WHAT TO PRODUCE: Reproduce the listing verbatim through the line with "VERTICAL WEB STRUT',$,$,$,$,$,.STRUT.);".
********************
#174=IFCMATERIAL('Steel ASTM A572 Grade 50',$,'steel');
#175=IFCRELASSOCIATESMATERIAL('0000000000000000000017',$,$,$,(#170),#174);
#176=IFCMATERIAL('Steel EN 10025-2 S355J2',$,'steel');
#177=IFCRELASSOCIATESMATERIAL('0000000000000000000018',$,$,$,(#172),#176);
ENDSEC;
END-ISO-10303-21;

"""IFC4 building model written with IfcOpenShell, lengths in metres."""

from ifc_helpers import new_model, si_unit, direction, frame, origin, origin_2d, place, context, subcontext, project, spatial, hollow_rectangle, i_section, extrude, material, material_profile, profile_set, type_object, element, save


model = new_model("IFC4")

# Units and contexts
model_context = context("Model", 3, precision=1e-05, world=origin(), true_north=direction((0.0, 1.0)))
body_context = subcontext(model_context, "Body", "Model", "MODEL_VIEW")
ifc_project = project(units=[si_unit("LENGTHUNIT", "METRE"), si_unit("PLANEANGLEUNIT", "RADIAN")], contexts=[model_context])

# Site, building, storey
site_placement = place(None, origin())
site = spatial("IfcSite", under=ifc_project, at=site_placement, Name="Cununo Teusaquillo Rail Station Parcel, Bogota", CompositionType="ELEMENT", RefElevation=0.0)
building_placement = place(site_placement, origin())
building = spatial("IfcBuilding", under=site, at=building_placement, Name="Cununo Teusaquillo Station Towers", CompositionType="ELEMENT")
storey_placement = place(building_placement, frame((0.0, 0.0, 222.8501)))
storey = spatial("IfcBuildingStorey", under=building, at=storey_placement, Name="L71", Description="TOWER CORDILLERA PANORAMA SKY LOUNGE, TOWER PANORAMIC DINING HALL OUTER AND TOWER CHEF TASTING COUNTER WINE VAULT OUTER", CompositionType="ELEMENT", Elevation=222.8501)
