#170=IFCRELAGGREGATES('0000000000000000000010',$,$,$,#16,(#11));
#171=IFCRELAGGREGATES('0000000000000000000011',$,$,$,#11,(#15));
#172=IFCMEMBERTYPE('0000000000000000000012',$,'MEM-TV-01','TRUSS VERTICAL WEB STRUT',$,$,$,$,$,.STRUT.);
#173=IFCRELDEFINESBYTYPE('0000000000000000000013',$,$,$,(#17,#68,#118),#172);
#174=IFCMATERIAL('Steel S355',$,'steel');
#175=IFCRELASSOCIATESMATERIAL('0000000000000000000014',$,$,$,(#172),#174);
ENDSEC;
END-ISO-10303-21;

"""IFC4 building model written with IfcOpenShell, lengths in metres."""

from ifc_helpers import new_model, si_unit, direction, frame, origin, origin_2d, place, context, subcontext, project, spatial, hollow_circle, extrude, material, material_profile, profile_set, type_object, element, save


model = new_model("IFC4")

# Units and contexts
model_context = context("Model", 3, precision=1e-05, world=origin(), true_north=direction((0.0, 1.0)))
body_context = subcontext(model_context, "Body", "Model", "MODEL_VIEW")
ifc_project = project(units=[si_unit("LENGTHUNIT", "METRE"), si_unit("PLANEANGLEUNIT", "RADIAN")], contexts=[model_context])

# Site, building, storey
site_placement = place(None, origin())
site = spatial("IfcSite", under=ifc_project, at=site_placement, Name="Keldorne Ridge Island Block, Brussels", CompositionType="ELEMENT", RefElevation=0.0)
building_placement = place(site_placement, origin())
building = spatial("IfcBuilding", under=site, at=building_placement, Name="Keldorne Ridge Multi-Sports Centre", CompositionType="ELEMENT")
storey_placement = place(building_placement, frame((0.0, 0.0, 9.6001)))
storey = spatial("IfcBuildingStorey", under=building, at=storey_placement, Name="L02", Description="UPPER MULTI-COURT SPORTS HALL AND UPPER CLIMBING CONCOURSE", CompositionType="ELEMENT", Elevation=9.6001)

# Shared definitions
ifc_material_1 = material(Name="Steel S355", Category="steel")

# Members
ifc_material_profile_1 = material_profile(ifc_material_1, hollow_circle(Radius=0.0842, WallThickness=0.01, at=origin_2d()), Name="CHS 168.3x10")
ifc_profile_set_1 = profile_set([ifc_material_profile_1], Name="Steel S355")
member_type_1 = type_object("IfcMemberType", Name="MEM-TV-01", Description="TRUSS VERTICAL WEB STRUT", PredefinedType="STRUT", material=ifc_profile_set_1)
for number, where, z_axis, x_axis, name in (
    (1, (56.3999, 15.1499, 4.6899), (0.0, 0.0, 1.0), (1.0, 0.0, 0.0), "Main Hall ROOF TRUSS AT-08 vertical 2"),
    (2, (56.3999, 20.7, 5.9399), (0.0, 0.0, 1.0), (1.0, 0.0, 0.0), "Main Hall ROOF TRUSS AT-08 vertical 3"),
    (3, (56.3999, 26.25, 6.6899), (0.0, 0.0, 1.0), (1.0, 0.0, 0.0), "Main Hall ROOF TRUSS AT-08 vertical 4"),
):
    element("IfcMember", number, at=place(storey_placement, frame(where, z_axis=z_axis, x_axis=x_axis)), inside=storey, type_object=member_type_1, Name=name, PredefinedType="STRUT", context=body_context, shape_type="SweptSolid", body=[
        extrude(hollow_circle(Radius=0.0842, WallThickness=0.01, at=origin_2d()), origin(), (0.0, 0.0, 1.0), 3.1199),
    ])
********************
RESPONSE BELOW:
#174=IFCMATERIAL('Steel ASTM A572 Grade 50',$,'steel');
#175=IFCRELASSOCIATESMATERIAL('0000000000000000000017',$,$,$,(#170),#174);
#176=IFCMATERIAL('Steel EN 10025-2 S355J2',$,'steel');
#177=IFCRELASSOCIATESMATERIAL('0000000000000000000018',$,$,$,(#172),#176);
ENDSEC;
END-ISO-10303-21;

"""IFC4 building model written with IfcOpenShell, lengths in metres."""

from ifc_helpers import new_model, si_unit, direction, frame, origin, origin_2d, place, context, subcontext, project, spatial, hollow_rectangle, i_section, extrude, material, material_profile, profile_set, type_object, element, save


model = new_model("IFC4")

# Units and contexts
model_context = context("Model", 3, precision=1e-05, world=origin(), true_north=direction((0.0, 1.0)))
body_context = subcontext(model_context, "Body", "Model", "MODEL_VIEW")
ifc_project = project(units=[si_unit("LENGTHUNIT", "METRE"), si_unit("PLANEANGLEUNIT", "RADIAN")], contexts=[model_context])

# Site, building, storey
site_placement = place(None, origin())
site = spatial("IfcSite", under=ifc_project, at=site_placement, Name="Cununo Teusaquillo Rail Station Parcel, Bogota", CompositionType="ELEMENT", RefElevation=0.0)
building_placement = place(site_placement, origin())
building = spatial("IfcBuilding", under=site, at=building_placement, Name="Cununo Teusaquillo Station Towers", CompositionType="ELEMENT")
storey_placement = place(building_placement, frame((0.0, 0.0, 222.8501)))
storey = spatial("IfcBuildingStorey", under=building, at=storey_placement, Name="L71", Description="TOWER CORDILLERA PANORAMA SKY LOUNGE, TOWER PANORAMIC DINING HALL OUTER AND TOWER CHEF TASTING COUNTER WINE VAULT OUTER", CompositionType="ELEMENT", Elevation=222.8501)
#170=IFCRELAGGREGATES('0000000000000000000010',$,$,$,#16,(#11));
#171=IFCRELAGGREGATES('0000000000000000000011',$,$,$,#11,(#15));
#172=IFCMEMBERTYPE('0000000000000000000012',$,'MEM-TV-01','TRUSS VERTICAL WEB STRUT',$,$,$,$,$,.STRUT.);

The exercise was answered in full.